▶ **Task instructions**
Only lines with the string "RelatedObjects" are wanted. Pull them out of the data.

▶ **The data**

-------

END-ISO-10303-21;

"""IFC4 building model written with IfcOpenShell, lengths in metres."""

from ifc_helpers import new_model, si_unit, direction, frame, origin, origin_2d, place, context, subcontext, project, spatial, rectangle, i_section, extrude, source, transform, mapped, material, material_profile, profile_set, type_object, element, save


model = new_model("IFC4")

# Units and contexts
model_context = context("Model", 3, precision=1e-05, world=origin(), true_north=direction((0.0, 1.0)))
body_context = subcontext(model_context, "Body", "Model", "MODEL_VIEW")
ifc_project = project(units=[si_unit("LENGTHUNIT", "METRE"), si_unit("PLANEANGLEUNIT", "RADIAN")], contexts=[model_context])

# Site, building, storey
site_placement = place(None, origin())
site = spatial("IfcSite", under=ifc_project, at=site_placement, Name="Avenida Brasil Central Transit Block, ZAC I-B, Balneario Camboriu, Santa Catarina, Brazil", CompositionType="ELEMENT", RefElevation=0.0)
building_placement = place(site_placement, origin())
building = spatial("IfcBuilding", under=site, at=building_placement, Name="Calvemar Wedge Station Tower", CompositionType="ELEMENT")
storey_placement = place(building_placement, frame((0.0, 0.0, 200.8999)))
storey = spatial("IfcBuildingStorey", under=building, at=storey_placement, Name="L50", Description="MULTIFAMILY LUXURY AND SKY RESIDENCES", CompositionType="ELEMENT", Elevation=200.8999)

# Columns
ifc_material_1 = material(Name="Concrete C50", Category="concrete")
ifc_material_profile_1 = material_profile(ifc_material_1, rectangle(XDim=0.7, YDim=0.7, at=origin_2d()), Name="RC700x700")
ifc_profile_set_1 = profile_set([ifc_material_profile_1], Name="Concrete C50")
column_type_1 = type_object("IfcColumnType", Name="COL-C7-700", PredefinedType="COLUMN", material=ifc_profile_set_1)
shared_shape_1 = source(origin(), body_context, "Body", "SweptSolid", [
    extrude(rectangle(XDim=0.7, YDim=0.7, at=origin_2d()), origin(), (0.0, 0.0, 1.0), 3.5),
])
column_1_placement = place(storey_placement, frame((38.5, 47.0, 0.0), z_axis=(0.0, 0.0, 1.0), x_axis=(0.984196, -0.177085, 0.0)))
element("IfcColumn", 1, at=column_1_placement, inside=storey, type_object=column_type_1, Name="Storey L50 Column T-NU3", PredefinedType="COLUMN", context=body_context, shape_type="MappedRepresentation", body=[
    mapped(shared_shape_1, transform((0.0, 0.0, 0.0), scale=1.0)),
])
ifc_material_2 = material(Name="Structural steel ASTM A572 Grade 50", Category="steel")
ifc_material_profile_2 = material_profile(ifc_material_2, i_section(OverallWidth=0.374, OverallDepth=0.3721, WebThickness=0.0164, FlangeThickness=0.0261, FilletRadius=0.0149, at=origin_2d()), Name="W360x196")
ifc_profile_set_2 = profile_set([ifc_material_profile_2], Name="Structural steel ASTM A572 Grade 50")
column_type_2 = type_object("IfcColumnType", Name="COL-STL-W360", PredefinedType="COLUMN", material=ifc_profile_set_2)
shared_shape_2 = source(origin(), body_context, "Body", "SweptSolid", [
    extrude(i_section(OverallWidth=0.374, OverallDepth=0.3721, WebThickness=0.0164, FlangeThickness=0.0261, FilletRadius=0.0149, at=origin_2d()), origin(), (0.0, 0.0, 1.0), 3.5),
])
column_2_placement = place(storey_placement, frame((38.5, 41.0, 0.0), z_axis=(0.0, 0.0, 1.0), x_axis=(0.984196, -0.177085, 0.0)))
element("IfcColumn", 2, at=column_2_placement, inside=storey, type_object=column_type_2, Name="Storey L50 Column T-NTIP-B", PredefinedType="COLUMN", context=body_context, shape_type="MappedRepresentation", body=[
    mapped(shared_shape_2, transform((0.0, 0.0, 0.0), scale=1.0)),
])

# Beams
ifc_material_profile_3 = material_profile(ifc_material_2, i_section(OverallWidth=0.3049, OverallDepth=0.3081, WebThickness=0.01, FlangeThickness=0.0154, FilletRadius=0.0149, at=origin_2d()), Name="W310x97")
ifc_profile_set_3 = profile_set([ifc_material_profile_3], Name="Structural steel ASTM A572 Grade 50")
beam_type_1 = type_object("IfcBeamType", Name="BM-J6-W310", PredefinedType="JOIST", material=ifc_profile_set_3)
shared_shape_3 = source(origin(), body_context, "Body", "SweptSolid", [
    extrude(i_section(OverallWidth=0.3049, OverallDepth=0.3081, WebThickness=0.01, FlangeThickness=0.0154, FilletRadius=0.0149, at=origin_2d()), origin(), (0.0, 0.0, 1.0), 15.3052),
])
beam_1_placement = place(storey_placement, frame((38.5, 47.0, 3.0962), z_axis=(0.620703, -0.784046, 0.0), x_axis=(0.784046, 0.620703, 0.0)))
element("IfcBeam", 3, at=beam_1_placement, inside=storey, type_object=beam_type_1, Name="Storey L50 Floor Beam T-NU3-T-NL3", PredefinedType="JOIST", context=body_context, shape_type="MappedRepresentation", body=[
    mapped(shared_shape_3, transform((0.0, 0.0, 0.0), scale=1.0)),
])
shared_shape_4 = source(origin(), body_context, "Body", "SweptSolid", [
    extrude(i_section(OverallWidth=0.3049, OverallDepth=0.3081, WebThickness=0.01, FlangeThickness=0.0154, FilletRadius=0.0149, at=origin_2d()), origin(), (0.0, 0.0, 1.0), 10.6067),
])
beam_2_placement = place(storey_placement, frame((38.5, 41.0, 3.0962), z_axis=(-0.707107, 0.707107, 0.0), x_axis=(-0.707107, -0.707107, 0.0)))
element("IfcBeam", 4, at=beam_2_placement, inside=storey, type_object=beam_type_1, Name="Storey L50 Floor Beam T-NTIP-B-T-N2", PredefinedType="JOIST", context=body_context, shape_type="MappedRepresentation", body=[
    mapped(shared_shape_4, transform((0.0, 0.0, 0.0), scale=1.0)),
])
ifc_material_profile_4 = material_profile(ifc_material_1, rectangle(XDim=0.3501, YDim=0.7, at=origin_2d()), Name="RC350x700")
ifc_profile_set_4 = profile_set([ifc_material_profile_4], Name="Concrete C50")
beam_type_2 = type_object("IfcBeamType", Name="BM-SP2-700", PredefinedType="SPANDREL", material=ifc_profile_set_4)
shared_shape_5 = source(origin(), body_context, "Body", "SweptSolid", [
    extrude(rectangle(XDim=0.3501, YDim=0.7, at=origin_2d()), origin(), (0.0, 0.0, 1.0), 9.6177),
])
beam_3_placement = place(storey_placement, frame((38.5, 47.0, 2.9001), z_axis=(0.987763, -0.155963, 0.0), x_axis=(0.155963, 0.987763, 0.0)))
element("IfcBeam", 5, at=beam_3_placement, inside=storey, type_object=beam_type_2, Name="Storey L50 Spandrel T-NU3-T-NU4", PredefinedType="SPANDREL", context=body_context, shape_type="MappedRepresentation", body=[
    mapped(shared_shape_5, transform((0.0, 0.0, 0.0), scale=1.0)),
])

-------

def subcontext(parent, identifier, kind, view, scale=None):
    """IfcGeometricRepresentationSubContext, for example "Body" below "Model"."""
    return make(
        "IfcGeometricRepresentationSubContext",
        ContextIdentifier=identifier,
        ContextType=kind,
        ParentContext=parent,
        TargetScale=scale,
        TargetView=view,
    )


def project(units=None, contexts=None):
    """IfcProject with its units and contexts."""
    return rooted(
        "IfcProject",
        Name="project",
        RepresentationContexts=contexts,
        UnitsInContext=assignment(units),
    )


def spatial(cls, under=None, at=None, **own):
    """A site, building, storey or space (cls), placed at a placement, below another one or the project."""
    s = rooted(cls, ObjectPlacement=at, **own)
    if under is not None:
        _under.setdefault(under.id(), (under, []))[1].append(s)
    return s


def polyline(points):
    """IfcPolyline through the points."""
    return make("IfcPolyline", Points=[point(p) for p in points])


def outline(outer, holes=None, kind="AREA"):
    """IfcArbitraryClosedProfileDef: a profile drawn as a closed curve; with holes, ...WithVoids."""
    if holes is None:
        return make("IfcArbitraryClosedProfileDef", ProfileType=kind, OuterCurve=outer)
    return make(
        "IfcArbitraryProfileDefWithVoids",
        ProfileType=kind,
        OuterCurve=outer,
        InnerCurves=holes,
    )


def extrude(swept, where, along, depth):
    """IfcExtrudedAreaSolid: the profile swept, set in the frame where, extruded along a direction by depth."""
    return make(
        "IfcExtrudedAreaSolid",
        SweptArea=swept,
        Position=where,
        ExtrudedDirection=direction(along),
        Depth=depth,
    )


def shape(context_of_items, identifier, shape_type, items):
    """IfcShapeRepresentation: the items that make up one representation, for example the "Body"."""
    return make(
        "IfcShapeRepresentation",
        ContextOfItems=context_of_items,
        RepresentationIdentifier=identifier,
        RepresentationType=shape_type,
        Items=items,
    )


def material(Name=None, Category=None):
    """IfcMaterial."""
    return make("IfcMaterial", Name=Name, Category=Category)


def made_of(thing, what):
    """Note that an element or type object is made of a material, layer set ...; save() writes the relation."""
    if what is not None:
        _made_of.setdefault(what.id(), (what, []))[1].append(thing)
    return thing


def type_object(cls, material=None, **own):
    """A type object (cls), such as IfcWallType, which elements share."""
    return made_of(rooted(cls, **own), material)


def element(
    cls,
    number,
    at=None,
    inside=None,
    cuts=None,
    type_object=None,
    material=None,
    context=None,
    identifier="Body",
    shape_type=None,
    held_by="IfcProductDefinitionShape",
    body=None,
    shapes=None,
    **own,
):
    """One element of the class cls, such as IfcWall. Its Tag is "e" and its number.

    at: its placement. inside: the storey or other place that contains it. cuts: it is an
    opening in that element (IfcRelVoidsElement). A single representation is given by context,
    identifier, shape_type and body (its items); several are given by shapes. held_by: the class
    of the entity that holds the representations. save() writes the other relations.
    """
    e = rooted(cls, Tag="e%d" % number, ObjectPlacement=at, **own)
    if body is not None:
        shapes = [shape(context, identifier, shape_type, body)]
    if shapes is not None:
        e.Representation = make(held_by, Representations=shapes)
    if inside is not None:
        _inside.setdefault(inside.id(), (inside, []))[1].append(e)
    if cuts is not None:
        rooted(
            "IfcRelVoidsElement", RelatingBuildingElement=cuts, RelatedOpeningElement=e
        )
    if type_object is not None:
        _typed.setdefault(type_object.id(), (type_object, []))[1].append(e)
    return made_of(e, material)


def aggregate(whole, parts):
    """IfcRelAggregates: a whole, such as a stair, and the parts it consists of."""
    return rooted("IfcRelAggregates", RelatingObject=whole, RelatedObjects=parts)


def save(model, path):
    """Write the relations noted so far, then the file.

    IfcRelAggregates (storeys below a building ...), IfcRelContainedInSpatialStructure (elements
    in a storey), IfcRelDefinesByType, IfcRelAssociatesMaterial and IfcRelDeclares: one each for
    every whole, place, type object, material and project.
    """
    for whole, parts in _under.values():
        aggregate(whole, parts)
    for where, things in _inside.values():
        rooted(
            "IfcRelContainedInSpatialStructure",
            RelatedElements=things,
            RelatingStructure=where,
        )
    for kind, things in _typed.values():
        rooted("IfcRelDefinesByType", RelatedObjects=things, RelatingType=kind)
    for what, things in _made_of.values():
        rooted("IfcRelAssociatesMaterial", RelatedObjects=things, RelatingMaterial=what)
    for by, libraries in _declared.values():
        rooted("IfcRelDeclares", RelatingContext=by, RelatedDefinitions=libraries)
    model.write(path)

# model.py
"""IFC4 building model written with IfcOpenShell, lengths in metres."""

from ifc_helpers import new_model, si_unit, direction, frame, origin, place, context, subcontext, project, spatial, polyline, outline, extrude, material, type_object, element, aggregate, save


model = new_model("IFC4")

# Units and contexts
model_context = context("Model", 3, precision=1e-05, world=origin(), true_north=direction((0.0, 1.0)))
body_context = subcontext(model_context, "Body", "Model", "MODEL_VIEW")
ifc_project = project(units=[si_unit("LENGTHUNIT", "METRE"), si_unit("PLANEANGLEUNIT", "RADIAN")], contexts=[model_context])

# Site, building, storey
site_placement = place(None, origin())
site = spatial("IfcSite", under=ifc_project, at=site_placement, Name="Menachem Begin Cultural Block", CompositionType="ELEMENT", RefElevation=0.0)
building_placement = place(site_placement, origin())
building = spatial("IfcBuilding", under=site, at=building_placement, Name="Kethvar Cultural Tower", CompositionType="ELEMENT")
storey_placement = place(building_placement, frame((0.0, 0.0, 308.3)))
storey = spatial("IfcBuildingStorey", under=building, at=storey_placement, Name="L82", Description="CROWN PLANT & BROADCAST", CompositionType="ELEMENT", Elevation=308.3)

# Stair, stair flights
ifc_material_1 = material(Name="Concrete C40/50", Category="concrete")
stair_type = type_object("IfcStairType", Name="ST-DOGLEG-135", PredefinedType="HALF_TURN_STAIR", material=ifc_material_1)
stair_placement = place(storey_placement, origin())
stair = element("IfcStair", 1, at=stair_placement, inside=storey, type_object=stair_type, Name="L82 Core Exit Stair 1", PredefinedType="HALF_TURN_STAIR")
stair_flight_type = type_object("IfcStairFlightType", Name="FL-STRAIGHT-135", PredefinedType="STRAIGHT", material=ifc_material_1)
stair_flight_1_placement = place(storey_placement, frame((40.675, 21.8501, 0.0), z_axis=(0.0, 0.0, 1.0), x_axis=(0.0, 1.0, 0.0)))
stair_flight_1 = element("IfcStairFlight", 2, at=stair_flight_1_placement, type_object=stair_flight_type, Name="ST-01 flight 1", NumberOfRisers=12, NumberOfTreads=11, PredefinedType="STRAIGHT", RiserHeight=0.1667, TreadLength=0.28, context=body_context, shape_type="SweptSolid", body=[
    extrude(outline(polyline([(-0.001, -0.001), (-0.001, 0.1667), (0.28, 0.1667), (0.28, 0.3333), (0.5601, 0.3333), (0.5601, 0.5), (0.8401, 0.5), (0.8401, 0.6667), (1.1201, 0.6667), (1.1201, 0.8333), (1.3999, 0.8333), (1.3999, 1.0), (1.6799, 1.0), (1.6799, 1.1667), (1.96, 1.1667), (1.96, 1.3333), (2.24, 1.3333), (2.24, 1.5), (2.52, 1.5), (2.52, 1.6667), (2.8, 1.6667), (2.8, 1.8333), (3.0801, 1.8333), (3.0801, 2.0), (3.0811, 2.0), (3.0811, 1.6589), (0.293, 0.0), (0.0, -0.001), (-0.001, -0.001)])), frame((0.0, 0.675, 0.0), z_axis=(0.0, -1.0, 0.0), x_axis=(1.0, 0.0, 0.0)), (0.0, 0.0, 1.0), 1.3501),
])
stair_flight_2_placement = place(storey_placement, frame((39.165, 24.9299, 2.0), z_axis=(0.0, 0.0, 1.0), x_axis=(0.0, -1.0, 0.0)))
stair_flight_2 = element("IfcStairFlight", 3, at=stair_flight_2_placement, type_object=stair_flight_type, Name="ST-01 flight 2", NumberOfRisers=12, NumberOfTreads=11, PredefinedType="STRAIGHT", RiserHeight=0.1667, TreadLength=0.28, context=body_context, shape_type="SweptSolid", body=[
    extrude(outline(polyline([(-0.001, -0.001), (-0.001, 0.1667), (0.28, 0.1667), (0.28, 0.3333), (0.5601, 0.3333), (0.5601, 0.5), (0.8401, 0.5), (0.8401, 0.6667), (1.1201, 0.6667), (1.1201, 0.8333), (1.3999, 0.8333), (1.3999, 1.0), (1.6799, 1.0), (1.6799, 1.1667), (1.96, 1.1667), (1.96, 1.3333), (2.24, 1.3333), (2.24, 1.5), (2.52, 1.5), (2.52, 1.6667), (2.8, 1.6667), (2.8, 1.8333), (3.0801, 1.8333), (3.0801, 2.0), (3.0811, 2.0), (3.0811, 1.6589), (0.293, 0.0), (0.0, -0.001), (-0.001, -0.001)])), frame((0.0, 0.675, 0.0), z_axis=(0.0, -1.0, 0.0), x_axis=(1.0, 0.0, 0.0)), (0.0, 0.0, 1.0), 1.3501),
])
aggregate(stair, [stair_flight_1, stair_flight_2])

-------

▶ **Solution to this task**
    return rooted("IfcRelAggregates", RelatingObject=whole, RelatedObjects=parts)
        rooted("IfcRelDefinesByType", RelatedObjects=things, RelatingType=kind)
        rooted("IfcRelAssociatesMaterial", RelatedObjects=things, RelatingMaterial=what)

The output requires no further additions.